= Beginning of Section =

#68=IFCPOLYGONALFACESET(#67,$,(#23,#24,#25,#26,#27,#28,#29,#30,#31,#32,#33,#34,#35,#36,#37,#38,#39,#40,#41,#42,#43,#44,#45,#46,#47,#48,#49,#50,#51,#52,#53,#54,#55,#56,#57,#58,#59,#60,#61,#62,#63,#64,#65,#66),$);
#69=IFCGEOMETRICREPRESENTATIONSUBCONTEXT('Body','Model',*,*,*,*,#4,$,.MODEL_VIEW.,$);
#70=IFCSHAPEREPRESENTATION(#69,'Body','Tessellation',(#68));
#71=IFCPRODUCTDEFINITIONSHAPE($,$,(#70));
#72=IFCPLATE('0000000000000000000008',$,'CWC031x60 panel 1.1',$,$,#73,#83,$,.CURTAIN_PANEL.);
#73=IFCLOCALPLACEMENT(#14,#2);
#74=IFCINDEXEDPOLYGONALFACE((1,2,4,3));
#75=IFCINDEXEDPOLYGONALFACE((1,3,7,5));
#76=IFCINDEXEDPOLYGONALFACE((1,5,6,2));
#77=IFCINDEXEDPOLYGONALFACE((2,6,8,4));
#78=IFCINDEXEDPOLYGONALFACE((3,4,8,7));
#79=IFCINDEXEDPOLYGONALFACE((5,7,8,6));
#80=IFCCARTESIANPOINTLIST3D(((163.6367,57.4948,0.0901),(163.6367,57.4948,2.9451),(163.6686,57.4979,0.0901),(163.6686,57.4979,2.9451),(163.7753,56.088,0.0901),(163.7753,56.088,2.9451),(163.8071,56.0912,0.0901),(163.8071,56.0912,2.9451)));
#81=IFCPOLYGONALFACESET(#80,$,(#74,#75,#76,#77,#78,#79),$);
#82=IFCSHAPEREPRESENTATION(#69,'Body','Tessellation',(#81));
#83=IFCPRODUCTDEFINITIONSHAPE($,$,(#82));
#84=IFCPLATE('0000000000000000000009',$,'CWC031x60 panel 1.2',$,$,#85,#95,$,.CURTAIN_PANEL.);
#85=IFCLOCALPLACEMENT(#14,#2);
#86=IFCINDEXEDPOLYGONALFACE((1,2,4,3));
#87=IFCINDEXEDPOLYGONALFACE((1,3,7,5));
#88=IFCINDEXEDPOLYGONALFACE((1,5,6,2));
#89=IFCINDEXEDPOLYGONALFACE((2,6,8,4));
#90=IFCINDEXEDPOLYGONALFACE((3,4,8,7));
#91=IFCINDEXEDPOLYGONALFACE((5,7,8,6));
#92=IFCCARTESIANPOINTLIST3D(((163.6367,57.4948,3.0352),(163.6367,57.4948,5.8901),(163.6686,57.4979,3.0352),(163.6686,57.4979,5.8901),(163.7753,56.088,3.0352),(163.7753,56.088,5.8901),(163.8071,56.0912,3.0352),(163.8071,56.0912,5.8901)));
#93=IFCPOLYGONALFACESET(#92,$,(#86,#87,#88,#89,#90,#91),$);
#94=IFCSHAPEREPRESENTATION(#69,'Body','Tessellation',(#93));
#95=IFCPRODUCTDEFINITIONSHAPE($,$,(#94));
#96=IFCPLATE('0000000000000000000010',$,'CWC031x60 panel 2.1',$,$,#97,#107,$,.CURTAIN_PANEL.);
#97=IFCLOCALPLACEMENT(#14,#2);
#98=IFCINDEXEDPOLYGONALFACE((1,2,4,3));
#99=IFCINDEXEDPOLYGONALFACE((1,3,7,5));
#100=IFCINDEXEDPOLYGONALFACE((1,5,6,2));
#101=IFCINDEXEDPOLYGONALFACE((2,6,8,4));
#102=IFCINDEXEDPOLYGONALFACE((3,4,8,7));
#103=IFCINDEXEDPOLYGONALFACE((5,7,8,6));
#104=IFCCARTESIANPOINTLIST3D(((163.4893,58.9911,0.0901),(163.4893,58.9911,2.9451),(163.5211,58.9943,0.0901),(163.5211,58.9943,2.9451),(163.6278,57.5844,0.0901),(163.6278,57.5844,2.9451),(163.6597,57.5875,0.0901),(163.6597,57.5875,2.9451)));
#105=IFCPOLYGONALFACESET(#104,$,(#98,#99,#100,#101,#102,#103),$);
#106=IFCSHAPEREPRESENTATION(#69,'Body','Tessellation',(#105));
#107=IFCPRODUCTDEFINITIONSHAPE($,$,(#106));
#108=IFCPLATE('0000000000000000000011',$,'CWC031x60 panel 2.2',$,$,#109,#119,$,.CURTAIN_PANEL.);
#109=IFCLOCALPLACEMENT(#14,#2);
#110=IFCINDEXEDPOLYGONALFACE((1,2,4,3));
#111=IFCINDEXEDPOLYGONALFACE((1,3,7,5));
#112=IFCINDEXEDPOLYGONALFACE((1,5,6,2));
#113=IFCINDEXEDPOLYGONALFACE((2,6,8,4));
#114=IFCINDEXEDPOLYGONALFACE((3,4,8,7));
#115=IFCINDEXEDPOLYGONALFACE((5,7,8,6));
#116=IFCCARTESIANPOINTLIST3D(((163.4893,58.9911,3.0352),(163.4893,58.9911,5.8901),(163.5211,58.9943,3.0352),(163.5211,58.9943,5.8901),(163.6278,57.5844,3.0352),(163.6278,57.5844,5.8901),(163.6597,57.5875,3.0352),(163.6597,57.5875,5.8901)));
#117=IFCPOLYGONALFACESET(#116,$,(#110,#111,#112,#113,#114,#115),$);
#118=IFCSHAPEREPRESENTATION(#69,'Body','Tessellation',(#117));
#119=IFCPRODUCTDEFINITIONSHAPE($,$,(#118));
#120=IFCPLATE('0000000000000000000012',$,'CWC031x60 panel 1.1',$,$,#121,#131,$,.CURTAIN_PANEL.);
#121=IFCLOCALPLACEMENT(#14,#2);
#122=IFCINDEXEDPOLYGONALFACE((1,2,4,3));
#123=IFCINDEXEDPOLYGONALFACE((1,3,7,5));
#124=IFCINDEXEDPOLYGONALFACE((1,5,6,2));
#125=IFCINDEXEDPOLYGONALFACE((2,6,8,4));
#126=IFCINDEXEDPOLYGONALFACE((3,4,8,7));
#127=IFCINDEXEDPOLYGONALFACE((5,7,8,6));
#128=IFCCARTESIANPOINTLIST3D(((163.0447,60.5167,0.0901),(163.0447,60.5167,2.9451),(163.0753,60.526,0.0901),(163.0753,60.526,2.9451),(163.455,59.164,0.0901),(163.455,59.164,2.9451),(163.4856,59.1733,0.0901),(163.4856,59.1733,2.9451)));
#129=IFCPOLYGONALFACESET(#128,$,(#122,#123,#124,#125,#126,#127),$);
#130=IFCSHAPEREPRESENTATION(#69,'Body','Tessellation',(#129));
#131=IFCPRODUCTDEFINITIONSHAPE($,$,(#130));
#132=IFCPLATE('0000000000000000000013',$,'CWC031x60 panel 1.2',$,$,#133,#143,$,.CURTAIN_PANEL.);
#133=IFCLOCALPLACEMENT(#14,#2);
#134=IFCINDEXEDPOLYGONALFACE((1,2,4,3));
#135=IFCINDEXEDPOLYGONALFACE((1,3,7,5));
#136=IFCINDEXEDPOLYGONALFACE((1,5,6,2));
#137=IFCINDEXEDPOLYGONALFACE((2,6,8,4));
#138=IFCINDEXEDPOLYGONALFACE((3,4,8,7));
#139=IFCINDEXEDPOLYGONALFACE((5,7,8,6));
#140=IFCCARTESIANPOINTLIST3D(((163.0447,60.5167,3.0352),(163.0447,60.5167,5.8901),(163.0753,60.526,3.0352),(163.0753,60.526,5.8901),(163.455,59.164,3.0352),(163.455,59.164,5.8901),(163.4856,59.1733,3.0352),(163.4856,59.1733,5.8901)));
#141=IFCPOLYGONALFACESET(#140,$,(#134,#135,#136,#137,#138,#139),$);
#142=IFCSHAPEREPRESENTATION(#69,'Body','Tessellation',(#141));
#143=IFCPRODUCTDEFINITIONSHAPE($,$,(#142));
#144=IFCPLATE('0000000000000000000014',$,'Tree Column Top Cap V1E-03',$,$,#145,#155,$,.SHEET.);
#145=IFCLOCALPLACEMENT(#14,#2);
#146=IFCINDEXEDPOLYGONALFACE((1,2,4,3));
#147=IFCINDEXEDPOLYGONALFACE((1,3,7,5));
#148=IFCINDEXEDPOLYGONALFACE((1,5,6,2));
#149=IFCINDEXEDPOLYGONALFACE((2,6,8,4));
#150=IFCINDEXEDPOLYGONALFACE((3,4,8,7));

= End of Section =

| Action item |
Gather from the data above every line with the string "Body".

| Response to the exercise |
#69=IFCGEOMETRICREPRESENTATIONSUBCONTEXT('Body','Model',*,*,*,*,#4,$,.MODEL_VIEW.,$);
#70=IFCSHAPEREPRESENTATION(#69,'Body','Tessellation',(#68));
#82=IFCSHAPEREPRESENTATION(#69,'Body','Tessellation',(#81));
#94=IFCSHAPEREPRESENTATION(#69,'Body','Tessellation',(#93));
#106=IFCSHAPEREPRESENTATION(#69,'Body','Tessellation',(#105));
#118=IFCSHAPEREPRESENTATION(#69,'Body','Tessellation',(#117));
#130=IFCSHAPEREPRESENTATION(#69,'Body','Tessellation',(#129));
#142=IFCSHAPEREPRESENTATION(#69,'Body','Tessellation',(#141));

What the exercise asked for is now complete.